Stored items:
------------------------------------------------

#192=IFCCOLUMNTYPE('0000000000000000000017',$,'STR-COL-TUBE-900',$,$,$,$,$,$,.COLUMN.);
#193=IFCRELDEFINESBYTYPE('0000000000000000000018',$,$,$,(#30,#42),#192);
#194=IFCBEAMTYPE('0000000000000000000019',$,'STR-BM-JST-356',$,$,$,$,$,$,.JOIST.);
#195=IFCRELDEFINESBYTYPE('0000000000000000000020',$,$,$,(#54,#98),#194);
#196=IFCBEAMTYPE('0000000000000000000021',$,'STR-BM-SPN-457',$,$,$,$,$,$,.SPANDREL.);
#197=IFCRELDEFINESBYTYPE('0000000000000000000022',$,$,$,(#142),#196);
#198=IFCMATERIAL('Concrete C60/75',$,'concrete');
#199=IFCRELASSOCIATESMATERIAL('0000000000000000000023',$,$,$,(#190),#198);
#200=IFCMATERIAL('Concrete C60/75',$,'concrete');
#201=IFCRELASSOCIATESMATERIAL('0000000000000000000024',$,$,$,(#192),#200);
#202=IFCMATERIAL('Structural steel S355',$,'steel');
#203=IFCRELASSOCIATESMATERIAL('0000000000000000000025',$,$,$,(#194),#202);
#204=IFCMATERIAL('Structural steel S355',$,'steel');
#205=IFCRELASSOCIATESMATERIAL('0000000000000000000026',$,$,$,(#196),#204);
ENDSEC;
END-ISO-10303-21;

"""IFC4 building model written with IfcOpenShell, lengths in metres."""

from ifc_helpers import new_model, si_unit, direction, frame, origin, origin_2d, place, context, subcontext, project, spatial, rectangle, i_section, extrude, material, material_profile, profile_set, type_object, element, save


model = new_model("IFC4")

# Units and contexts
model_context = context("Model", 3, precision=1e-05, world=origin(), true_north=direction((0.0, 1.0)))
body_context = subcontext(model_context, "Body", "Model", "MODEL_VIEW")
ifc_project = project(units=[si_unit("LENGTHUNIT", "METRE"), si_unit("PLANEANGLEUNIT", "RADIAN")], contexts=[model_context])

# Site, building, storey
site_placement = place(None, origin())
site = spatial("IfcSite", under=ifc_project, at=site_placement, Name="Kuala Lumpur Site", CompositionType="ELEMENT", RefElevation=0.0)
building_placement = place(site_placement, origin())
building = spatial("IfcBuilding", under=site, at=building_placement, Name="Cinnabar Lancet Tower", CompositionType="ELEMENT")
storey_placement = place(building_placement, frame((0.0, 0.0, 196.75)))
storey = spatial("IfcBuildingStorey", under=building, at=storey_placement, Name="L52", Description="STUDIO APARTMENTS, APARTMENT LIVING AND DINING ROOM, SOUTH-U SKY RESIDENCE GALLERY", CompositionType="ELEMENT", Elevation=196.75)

------------------------------------------------

== ABOUT THIS EXERCISE ==
Take the entries above and transcribe them exactly as they stand.

== TASK SOLUTION ==
#192=IFCCOLUMNTYPE('0000000000000000000017',$,'STR-COL-TUBE-900',$,$,$,$,$,$,.COLUMN.);
#193=IFCRELDEFINESBYTYPE('0000000000000000000018',$,$,$,(#30,#42),#192);
#194=IFCBEAMTYPE('0000000000000000000019',$,'STR-BM-JST-356',$,$,$,$,$,$,.JOIST.);
#195=IFCRELDEFINESBYTYPE('0000000000000000000020',$,$,$,(#54,#98),#194);
#196=IFCBEAMTYPE('0000000000000000000021',$,'STR-BM-SPN-457',$,$,$,$,$,$,.SPANDREL.);
#197=IFCRELDEFINESBYTYPE('0000000000000000000022',$,$,$,(#142),#196);
#198=IFCMATERIAL('Concrete C60/75',$,'concrete');
#199=IFCRELASSOCIATESMATERIAL('0000000000000000000023',$,$,$,(#190),#198);
#200=IFCMATERIAL('Concrete C60/75',$,'concrete');
#201=IFCRELASSOCIATESMATERIAL('0000000000000000000024',$,$,$,(#192),#200);
#202=IFCMATERIAL('Structural steel S355',$,'steel');
#203=IFCRELASSOCIATESMATERIAL('0000000000000000000025',$,$,$,(#194),#202);
#204=IFCMATERIAL('Structural steel S355',$,'steel');
#205=IFCRELASSOCIATESMATERIAL('0000000000000000000026',$,$,$,(#196),#204);
ENDSEC;
END-ISO-10303-21;

"""IFC4 building model written with IfcOpenShell, lengths in metres."""

from ifc_helpers import new_model, si_unit, direction, frame, origin, origin_2d, place, context, subcontext, project, spatial, rectangle, i_section, extrude, material, material_profile, profile_set, type_object, element, save


model = new_model("IFC4")

# Units and contexts
model_context = context("Model", 3, precision=1e-05, world=origin(), true_north=direction((0.0, 1.0)))
body_context = subcontext(model_context, "Body", "Model", "MODEL_VIEW")
ifc_project = project(units=[si_unit("LENGTHUNIT", "METRE"), si_unit("PLANEANGLEUNIT", "RADIAN")], contexts=[model_context])

# Site, building, storey
site_placement = place(None, origin())
site = spatial("IfcSite", under=ifc_project, at=site_placement, Name="Kuala Lumpur Site", CompositionType="ELEMENT", RefElevation=0.0)
building_placement = place(site_placement, origin())
building = spatial("IfcBuilding", under=site, at=building_placement, Name="Cinnabar Lancet Tower", CompositionType="ELEMENT")
storey_placement = place(building_placement, frame((0.0, 0.0, 196.75)))
storey = spatial("IfcBuildingStorey", under=building, at=storey_placement, Name="L52", Description="STUDIO APARTMENTS, APARTMENT LIVING AND DINING ROOM, SOUTH-U SKY RESIDENCE GALLERY", CompositionType="ELEMENT", Elevation=196.75)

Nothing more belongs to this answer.